━━ Records for the exercise

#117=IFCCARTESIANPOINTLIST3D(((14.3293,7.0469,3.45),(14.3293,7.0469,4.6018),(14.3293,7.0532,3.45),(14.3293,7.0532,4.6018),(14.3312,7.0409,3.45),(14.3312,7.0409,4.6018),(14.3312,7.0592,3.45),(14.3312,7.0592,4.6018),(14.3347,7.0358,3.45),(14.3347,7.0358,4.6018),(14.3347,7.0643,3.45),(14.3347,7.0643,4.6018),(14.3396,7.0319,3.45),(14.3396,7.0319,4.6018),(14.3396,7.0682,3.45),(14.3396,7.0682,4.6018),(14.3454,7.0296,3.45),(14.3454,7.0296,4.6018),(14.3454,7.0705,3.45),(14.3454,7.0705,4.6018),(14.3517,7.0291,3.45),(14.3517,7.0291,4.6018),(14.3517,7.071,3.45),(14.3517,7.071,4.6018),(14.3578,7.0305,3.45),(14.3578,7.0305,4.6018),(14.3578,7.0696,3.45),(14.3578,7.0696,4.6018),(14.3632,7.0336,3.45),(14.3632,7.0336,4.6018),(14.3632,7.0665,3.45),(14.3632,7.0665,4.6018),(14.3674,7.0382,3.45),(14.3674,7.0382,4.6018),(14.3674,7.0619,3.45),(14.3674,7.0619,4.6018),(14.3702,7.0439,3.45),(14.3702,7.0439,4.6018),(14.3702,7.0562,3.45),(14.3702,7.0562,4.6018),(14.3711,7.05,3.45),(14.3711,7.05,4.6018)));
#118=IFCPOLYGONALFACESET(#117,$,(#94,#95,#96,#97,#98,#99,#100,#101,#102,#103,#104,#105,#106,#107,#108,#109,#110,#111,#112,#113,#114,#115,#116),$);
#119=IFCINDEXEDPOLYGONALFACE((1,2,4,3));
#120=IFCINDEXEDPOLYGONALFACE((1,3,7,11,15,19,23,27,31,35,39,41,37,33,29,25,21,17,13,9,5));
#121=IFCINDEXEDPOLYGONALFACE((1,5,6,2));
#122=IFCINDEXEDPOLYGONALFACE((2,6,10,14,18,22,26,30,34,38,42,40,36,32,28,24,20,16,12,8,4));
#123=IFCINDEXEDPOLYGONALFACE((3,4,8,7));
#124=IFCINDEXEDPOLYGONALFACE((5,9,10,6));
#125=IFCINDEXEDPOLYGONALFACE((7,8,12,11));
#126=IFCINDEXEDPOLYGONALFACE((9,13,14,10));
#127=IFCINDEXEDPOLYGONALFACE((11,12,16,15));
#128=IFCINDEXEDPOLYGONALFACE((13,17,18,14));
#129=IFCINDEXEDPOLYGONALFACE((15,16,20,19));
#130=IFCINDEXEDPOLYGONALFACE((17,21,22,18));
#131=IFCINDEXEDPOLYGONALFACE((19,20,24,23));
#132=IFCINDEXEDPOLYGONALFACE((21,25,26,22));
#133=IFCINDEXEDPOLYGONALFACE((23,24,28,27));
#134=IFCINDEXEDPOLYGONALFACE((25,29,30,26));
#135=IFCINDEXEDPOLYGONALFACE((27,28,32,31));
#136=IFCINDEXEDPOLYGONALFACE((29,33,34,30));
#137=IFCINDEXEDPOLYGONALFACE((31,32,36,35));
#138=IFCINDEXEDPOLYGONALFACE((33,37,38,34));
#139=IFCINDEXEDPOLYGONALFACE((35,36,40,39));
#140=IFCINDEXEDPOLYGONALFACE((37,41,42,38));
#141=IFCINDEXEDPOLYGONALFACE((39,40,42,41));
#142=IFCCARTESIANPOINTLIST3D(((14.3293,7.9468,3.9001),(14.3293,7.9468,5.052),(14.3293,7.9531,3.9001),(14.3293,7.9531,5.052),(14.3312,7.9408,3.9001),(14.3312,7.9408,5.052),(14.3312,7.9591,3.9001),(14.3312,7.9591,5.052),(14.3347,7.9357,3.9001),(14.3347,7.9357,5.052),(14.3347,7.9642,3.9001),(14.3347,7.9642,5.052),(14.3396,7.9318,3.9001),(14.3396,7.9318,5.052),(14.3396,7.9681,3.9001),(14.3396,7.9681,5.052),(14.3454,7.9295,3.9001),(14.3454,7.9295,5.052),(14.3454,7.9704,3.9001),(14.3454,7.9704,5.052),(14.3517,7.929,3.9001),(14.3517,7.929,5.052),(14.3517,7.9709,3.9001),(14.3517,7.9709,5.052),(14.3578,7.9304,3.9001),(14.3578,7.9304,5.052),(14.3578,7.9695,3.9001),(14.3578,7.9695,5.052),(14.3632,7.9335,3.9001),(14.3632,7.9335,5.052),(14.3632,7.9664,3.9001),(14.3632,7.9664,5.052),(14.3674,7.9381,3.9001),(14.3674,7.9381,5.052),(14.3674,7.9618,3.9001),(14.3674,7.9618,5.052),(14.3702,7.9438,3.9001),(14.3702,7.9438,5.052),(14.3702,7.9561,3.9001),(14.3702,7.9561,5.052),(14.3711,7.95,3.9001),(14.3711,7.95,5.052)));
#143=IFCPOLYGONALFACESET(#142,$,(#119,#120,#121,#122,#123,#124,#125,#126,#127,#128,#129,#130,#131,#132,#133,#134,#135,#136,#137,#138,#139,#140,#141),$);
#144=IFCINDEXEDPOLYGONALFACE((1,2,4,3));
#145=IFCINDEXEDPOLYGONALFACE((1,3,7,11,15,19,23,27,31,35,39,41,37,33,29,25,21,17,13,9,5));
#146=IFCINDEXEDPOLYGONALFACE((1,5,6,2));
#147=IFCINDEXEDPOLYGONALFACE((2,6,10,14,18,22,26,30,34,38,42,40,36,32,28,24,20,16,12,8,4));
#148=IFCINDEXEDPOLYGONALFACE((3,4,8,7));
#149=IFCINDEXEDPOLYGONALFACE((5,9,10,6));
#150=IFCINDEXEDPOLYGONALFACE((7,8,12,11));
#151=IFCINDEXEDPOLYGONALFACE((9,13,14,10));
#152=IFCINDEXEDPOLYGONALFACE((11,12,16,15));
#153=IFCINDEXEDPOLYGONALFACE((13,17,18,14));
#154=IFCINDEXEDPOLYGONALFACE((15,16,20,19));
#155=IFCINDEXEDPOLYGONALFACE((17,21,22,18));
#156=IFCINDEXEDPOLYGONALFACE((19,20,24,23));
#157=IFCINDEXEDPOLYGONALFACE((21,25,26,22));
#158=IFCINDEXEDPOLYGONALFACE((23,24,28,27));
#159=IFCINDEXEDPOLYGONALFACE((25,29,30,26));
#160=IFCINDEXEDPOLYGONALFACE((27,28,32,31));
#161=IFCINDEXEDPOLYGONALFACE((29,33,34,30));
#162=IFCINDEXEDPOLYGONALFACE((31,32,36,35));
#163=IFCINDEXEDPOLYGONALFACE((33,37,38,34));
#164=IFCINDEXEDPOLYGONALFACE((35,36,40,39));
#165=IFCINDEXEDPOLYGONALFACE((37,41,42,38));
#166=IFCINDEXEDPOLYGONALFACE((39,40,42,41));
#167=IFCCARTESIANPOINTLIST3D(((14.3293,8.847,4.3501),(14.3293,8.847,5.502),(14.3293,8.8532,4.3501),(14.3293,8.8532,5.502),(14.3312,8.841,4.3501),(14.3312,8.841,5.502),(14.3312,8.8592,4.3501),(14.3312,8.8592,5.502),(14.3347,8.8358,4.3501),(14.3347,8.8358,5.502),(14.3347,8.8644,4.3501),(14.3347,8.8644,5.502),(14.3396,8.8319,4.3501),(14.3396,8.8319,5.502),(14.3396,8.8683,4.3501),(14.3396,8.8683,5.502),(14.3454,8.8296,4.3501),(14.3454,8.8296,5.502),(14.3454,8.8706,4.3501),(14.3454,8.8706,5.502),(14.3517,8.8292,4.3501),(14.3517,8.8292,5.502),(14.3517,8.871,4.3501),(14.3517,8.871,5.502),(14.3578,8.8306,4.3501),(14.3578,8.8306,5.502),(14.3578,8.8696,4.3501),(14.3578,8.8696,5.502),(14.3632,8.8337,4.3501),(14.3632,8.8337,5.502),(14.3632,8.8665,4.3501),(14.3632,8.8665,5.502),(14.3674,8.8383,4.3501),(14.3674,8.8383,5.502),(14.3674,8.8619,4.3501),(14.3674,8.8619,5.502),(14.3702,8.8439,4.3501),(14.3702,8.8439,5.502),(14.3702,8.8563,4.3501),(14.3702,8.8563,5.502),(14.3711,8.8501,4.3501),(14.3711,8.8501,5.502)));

━━━━
━━ Records for the exercise

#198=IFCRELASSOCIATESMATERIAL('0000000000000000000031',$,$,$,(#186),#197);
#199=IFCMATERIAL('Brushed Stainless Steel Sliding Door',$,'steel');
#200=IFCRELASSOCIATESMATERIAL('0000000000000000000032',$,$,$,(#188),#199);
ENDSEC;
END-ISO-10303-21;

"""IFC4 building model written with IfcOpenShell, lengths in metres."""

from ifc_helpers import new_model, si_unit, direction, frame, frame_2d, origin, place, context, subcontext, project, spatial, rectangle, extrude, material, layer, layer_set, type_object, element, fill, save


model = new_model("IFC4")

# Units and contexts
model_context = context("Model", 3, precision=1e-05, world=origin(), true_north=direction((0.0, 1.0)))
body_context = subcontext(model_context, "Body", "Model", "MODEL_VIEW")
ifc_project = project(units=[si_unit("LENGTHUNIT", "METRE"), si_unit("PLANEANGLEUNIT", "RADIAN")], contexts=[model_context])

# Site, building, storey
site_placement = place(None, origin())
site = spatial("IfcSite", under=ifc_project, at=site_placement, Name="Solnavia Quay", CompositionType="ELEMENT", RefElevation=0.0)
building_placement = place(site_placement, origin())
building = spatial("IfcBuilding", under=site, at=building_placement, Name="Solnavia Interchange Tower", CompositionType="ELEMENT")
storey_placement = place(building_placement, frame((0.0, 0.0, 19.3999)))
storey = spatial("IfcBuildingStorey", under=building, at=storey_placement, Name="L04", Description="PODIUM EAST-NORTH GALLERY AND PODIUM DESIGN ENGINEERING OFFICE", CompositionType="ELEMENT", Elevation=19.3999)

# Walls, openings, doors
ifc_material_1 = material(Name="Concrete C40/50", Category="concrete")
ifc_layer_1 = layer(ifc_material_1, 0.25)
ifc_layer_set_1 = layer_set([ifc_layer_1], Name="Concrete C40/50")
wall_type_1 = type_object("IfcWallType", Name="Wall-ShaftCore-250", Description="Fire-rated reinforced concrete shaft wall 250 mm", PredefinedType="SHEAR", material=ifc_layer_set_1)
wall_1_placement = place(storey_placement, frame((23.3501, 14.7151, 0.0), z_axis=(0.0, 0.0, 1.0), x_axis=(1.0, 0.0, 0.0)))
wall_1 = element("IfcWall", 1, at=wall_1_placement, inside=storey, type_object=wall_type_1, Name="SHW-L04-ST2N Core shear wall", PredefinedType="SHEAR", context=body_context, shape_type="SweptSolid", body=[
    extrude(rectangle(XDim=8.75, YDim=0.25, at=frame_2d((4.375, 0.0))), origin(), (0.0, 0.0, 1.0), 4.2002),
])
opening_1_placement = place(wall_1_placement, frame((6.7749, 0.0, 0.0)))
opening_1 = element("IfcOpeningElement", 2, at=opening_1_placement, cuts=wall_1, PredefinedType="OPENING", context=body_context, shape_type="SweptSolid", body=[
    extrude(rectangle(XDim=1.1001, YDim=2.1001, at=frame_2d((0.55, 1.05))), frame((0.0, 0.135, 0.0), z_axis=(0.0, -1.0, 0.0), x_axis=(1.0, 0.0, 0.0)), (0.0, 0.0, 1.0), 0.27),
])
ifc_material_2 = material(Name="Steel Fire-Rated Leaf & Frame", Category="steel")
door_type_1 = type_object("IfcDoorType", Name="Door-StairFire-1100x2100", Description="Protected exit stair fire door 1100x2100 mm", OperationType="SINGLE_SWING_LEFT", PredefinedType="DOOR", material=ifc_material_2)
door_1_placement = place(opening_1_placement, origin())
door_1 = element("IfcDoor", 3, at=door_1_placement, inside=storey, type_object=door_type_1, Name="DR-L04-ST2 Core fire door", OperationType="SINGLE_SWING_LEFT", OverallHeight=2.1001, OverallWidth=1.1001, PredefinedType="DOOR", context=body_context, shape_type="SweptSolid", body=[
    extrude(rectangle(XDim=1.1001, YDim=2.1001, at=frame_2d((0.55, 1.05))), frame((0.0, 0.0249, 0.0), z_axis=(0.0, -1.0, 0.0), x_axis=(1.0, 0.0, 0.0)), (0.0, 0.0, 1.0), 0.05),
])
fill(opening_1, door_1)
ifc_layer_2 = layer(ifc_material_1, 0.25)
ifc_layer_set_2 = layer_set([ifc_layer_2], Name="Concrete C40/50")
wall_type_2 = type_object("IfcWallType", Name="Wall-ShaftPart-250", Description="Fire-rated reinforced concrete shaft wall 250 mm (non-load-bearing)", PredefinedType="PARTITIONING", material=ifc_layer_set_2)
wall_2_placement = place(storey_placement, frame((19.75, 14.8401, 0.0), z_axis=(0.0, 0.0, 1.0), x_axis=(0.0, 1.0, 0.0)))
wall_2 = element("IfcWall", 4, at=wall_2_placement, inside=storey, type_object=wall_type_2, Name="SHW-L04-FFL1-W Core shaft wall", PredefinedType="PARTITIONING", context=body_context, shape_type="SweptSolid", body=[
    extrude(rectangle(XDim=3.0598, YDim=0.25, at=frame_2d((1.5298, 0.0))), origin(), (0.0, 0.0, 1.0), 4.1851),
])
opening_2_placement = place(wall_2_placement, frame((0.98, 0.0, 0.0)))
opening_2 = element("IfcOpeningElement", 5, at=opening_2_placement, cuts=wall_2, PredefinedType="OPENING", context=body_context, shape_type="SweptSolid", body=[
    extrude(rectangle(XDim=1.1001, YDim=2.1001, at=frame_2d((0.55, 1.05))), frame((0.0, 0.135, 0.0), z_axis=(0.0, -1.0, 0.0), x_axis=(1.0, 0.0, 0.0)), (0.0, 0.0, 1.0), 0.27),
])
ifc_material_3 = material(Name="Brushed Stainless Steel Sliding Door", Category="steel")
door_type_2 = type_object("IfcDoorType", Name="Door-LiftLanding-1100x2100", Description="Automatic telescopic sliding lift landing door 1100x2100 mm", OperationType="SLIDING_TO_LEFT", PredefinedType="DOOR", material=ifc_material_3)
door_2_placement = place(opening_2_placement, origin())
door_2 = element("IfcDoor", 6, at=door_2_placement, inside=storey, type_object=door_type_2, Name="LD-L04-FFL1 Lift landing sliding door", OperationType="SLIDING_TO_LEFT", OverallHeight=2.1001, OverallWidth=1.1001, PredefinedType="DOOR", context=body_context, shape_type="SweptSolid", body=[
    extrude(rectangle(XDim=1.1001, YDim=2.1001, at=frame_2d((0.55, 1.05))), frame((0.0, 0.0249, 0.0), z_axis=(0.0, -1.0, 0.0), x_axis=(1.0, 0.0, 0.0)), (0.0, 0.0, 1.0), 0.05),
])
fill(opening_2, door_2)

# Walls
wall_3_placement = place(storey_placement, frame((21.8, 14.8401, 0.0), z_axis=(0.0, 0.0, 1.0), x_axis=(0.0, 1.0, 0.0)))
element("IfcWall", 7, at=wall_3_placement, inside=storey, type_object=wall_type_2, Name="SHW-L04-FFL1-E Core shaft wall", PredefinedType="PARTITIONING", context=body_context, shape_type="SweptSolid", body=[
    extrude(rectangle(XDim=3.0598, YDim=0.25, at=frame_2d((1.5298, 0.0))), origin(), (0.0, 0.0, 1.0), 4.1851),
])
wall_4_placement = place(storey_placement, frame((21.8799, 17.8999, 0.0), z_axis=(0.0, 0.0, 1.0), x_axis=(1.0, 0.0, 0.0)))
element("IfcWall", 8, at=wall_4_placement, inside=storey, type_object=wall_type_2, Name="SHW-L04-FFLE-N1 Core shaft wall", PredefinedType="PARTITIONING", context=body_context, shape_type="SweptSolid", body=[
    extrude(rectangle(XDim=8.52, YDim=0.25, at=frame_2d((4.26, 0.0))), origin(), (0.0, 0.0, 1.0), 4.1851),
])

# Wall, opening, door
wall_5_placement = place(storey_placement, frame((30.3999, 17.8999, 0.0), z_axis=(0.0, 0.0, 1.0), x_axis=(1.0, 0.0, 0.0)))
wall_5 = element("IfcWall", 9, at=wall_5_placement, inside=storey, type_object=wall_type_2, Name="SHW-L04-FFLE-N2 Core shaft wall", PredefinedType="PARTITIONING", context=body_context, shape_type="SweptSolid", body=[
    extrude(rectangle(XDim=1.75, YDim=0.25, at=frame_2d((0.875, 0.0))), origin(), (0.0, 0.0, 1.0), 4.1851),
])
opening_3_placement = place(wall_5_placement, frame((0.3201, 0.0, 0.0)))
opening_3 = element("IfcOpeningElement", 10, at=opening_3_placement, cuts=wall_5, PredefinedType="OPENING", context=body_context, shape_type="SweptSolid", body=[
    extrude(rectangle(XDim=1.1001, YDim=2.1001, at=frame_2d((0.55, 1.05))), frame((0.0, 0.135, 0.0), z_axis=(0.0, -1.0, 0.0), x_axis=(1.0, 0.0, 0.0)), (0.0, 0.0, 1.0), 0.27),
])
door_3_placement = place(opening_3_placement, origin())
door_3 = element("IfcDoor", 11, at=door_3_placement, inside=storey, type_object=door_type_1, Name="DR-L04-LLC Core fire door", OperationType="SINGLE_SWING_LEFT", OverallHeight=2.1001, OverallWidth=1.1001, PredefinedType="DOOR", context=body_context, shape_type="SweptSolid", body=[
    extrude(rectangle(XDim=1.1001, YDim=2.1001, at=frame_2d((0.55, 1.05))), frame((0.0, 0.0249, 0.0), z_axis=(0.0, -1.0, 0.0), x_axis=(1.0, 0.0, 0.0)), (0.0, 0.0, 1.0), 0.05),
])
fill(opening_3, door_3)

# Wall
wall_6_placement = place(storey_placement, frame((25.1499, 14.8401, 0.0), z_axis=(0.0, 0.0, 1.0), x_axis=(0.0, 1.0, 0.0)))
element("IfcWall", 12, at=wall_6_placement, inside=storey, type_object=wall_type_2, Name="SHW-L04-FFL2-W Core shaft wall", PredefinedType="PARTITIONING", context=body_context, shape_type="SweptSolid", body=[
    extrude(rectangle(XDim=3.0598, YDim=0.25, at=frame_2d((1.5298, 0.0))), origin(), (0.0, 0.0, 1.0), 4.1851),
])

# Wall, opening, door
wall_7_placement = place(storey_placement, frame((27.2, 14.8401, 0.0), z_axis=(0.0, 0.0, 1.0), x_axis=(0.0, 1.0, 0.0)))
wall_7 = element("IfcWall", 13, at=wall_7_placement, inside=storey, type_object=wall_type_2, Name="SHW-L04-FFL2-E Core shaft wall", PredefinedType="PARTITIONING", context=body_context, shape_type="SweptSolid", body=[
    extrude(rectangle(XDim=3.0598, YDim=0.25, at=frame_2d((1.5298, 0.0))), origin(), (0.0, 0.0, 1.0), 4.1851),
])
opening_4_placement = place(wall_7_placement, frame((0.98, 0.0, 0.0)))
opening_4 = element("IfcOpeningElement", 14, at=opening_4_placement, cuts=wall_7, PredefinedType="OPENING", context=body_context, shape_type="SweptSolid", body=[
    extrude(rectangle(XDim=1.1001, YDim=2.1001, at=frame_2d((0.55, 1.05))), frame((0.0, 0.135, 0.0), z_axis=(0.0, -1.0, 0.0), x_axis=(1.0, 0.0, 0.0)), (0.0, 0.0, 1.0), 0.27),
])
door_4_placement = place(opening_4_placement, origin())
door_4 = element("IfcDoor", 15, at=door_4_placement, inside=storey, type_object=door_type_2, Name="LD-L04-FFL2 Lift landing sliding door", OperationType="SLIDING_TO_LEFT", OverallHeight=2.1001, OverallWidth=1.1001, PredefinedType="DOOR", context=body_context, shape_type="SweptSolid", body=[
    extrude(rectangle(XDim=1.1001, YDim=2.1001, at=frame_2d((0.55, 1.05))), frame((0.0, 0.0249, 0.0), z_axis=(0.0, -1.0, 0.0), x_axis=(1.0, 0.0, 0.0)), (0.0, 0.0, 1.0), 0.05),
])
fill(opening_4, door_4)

━━━━

▶ Work item: Return, unchanged, the run of lines above that opens with the line containing "#144=IFCINDEXEDPOLYGONALFACE((1,2,4,3));" and closes with the line containing "#165=IFCINDEXEDPOLYGONALFACE((37,41,42,38));". Include both.

▶ Response to the task:
#144=IFCINDEXEDPOLYGONALFACE((1,2,4,3));
#145=IFCINDEXEDPOLYGONALFACE((1,3,7,11,15,19,23,27,31,35,39,41,37,33,29,25,21,17,13,9,5));
#146=IFCINDEXEDPOLYGONALFACE((1,5,6,2));
#147=IFCINDEXEDPOLYGONALFACE((2,6,10,14,18,22,26,30,34,38,42,40,36,32,28,24,20,16,12,8,4));
#148=IFCINDEXEDPOLYGONALFACE((3,4,8,7));
#149=IFCINDEXEDPOLYGONALFACE((5,9,10,6));
#150=IFCINDEXEDPOLYGONALFACE((7,8,12,11));
#151=IFCINDEXEDPOLYGONALFACE((9,13,14,10));
#152=IFCINDEXEDPOLYGONALFACE((11,12,16,15));
#153=IFCINDEXEDPOLYGONALFACE((13,17,18,14));
#154=IFCINDEXEDPOLYGONALFACE((15,16,20,19));
#155=IFCINDEXEDPOLYGONALFACE((17,21,22,18));
#156=IFCINDEXEDPOLYGONALFACE((19,20,24,23));
#157=IFCINDEXEDPOLYGONALFACE((21,25,26,22));
#158=IFCINDEXEDPOLYGONALFACE((23,24,28,27));
#159=IFCINDEXEDPOLYGONALFACE((25,29,30,26));
#160=IFCINDEXEDPOLYGONALFACE((27,28,32,31));
#161=IFCINDEXEDPOLYGONALFACE((29,33,34,30));
#162=IFCINDEXEDPOLYGONALFACE((31,32,36,35));
#163=IFCINDEXEDPOLYGONALFACE((33,37,38,34));
#164=IFCINDEXEDPOLYGONALFACE((35,36,40,39));
#165=IFCINDEXEDPOLYGONALFACE((37,41,42,38));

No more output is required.